*The records*.
*** Block opens ***

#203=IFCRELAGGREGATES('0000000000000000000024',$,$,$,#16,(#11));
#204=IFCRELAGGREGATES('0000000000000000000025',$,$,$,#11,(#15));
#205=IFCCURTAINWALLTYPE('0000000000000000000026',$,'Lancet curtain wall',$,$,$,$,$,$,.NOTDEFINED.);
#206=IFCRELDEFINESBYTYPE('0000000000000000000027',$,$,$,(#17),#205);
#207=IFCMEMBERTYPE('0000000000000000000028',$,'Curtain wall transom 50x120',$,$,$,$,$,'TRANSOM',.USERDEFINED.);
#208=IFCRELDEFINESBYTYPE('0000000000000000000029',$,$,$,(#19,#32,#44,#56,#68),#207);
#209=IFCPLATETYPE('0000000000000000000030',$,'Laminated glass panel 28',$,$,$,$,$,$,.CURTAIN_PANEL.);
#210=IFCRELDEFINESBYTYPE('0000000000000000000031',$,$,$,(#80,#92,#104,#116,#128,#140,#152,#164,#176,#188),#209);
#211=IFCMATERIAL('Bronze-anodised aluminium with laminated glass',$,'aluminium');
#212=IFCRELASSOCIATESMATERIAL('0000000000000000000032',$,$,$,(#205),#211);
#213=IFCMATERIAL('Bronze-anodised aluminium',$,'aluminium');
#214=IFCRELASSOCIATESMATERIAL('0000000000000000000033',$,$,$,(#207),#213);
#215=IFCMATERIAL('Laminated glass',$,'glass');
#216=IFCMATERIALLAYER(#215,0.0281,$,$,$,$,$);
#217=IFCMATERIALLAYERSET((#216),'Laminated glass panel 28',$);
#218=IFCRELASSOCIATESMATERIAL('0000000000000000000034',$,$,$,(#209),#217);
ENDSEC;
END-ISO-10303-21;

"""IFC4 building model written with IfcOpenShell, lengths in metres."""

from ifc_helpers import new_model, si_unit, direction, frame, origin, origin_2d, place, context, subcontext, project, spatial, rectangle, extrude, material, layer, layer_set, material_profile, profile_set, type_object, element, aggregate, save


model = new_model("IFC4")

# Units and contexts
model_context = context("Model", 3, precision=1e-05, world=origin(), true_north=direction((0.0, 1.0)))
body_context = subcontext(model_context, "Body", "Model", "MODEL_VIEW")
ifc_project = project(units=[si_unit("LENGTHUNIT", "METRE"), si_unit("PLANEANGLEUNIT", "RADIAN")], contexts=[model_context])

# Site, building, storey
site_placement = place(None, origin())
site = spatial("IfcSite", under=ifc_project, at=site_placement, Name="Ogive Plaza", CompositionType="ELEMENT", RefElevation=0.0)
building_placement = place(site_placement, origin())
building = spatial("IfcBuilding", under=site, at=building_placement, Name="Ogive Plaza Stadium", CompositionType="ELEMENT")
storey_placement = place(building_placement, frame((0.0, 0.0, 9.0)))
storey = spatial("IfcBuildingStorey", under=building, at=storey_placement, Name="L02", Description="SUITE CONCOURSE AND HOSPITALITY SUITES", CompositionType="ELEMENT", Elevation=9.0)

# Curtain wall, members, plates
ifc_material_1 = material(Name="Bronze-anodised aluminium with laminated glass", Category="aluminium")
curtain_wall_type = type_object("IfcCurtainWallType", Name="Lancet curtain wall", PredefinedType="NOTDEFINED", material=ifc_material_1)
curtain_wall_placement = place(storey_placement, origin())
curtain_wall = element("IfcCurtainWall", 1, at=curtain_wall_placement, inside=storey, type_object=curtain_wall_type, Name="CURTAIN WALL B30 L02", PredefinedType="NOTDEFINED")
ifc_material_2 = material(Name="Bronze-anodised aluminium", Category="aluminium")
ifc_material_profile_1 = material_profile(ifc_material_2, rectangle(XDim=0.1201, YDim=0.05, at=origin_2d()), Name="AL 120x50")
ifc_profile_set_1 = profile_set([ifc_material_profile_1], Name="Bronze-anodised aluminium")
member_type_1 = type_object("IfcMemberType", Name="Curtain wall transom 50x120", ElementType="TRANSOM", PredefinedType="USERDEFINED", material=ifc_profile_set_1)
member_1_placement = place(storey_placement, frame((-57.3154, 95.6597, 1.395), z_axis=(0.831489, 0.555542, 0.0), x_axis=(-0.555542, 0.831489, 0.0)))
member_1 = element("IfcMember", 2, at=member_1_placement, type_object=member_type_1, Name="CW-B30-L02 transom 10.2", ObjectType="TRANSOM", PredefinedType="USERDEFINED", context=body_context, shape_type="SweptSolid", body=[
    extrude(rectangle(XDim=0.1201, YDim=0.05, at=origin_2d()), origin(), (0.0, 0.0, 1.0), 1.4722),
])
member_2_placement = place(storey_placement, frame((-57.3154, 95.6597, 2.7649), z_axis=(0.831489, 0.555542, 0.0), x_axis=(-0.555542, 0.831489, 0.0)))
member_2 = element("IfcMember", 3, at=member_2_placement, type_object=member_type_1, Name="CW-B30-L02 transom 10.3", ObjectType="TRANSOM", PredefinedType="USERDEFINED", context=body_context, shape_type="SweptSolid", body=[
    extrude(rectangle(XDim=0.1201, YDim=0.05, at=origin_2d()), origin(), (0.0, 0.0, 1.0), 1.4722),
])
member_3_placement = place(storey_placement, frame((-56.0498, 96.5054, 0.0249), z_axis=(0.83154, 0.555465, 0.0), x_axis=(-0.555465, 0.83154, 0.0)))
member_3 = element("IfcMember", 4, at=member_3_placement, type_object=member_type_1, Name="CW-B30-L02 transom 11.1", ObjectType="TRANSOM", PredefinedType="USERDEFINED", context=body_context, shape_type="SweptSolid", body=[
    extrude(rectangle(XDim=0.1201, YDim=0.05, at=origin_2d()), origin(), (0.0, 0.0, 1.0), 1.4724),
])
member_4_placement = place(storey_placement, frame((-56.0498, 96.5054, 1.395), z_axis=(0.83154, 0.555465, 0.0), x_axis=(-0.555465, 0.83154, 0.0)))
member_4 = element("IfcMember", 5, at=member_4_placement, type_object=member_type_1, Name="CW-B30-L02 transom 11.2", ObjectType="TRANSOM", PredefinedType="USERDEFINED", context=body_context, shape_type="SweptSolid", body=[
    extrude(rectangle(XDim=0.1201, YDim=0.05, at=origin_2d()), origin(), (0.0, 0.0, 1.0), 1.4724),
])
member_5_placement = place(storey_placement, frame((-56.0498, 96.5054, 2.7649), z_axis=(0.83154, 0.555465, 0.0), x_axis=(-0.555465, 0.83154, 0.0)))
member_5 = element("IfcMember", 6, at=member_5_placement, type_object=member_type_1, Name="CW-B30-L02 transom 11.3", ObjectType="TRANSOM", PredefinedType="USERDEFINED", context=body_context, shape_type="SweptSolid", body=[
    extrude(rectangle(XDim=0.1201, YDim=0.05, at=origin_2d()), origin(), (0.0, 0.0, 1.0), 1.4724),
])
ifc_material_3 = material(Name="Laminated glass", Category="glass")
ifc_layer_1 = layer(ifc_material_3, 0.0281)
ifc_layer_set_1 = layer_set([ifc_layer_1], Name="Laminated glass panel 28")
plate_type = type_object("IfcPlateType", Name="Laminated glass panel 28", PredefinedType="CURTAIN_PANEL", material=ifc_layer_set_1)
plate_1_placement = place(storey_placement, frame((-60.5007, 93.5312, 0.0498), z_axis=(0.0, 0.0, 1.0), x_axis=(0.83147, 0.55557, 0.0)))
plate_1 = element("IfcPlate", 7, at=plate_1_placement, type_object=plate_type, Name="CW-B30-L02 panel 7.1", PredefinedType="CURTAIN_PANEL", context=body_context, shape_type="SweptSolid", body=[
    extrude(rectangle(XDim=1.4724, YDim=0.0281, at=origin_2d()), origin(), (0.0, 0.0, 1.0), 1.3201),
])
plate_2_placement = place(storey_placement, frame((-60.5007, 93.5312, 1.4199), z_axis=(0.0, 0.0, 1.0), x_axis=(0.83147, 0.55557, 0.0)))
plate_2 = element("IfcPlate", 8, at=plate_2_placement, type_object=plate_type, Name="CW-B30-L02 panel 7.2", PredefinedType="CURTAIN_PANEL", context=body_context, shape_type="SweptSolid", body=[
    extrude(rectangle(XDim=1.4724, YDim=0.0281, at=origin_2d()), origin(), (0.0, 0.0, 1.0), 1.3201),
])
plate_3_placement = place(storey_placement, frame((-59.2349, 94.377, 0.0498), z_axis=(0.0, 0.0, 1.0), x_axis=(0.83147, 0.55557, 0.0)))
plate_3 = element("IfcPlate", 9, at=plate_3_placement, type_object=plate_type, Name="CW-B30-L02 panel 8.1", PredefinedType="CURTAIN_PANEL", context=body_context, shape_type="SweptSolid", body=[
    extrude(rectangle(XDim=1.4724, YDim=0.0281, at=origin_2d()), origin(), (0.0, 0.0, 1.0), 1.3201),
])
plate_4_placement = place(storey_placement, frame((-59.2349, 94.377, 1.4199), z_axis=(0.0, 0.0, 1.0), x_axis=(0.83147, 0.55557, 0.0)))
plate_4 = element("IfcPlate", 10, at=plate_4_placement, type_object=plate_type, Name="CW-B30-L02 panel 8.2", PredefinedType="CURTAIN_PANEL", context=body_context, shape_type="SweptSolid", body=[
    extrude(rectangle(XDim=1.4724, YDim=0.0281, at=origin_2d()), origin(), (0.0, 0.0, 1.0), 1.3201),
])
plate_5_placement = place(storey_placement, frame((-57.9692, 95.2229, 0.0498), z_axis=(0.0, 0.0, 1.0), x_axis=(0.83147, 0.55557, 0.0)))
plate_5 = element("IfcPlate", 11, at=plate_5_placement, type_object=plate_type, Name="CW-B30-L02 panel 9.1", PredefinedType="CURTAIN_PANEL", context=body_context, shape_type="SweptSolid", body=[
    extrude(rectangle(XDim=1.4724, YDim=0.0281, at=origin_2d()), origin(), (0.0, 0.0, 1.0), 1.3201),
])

*** Block closes ***

*Your objective*. Your reply must consist solely of the number of lines in the listing above that include the word "aluminium".

*Answer to the problem*. 5